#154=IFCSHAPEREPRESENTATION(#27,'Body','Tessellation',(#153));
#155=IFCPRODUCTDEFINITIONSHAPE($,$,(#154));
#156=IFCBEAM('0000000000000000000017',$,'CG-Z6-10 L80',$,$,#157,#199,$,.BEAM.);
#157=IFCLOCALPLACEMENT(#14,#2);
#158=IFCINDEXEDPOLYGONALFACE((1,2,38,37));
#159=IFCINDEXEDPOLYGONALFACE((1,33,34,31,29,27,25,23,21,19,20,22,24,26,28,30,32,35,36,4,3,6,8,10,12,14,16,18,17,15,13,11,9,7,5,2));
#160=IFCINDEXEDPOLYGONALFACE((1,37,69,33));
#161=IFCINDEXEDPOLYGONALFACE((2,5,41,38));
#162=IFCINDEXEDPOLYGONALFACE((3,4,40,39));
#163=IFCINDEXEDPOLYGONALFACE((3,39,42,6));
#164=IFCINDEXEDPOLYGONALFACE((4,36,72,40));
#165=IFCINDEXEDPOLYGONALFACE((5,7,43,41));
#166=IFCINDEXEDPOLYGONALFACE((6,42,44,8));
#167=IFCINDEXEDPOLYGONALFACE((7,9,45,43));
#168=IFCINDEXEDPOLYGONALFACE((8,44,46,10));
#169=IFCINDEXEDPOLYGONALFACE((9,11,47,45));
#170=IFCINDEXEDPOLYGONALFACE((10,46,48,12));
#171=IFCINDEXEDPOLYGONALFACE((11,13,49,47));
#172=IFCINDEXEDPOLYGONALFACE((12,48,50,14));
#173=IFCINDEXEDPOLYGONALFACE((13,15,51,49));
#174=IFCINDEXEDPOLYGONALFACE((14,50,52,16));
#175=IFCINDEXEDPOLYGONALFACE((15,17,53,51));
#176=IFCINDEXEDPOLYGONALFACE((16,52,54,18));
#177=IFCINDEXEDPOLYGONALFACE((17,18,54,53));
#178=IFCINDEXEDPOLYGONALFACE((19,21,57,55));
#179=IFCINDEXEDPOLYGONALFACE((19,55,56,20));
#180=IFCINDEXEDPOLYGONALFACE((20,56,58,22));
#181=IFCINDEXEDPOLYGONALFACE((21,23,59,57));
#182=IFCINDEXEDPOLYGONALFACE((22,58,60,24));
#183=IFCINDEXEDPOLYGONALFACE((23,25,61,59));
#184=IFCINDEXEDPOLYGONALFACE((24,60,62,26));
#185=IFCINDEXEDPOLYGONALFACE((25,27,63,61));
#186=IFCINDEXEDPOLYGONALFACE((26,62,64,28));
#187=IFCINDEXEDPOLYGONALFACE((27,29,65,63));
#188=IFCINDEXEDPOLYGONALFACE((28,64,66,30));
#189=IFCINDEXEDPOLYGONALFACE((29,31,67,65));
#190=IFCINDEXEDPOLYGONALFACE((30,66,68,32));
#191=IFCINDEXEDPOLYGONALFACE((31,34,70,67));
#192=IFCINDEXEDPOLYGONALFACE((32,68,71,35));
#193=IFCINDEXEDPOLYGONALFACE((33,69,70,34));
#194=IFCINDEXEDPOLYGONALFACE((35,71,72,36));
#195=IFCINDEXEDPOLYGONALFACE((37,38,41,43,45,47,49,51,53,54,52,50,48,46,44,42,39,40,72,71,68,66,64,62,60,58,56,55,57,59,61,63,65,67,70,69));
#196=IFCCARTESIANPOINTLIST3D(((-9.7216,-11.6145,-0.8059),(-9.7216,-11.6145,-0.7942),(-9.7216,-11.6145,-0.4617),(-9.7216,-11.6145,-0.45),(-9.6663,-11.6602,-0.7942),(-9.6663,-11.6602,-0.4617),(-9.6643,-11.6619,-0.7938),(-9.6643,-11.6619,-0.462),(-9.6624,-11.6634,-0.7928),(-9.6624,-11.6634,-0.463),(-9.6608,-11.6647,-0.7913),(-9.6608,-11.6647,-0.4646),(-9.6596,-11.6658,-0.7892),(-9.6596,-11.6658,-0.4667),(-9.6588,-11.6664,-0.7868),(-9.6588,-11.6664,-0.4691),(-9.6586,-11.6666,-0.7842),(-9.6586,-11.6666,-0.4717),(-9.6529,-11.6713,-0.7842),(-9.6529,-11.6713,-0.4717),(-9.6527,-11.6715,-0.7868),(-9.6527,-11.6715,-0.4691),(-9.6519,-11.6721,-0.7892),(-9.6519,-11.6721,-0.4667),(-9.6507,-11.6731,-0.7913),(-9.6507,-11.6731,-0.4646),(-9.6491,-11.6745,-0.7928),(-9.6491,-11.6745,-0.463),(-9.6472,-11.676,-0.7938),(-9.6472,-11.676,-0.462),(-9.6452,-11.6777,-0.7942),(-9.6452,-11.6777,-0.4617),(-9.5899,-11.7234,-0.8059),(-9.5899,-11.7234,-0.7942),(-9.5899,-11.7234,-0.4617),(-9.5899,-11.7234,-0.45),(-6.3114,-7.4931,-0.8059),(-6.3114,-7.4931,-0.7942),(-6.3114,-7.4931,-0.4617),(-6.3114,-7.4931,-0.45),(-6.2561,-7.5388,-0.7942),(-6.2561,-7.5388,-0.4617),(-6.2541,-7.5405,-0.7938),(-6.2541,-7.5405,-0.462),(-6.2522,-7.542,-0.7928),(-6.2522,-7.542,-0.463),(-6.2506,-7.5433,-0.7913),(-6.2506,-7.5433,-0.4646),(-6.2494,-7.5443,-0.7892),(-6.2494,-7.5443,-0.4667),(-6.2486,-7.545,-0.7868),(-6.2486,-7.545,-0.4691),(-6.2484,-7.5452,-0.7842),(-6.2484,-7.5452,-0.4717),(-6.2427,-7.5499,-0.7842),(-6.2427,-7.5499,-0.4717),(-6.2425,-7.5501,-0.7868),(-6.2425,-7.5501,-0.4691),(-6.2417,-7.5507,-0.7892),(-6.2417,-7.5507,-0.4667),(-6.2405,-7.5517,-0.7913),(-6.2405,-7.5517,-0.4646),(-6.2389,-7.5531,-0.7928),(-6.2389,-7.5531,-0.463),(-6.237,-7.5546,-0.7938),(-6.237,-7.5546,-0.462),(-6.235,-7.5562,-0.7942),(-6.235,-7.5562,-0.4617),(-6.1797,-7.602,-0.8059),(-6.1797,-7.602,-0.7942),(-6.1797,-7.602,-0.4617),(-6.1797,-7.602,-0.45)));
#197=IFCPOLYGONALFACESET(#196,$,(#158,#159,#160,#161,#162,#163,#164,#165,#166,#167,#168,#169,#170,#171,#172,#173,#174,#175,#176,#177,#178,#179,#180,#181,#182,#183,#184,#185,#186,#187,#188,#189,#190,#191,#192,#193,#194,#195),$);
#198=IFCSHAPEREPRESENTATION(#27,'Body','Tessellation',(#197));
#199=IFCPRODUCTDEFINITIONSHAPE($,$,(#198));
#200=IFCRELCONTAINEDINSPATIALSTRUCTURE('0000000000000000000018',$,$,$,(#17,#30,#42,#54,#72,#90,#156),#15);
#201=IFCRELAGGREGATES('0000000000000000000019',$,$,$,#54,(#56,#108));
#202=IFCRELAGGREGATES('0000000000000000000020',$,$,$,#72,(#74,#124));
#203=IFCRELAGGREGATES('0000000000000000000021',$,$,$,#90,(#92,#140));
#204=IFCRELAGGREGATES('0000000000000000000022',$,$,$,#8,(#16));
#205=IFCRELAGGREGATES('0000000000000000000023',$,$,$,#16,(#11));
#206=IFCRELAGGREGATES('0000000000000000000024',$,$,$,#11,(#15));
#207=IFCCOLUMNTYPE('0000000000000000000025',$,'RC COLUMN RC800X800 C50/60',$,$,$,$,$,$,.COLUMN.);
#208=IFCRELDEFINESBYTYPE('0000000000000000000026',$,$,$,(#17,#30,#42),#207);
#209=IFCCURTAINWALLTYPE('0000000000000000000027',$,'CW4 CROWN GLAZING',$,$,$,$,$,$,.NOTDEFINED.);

> What you should do
Lines of the listing above that contain the word "IFCSHAPEREPRESENTATION" should all be returned.

> Written solution
#154=IFCSHAPEREPRESENTATION(#27,'Body','Tessellation',(#153));
#198=IFCSHAPEREPRESENTATION(#27,'Body','Tessellation',(#197));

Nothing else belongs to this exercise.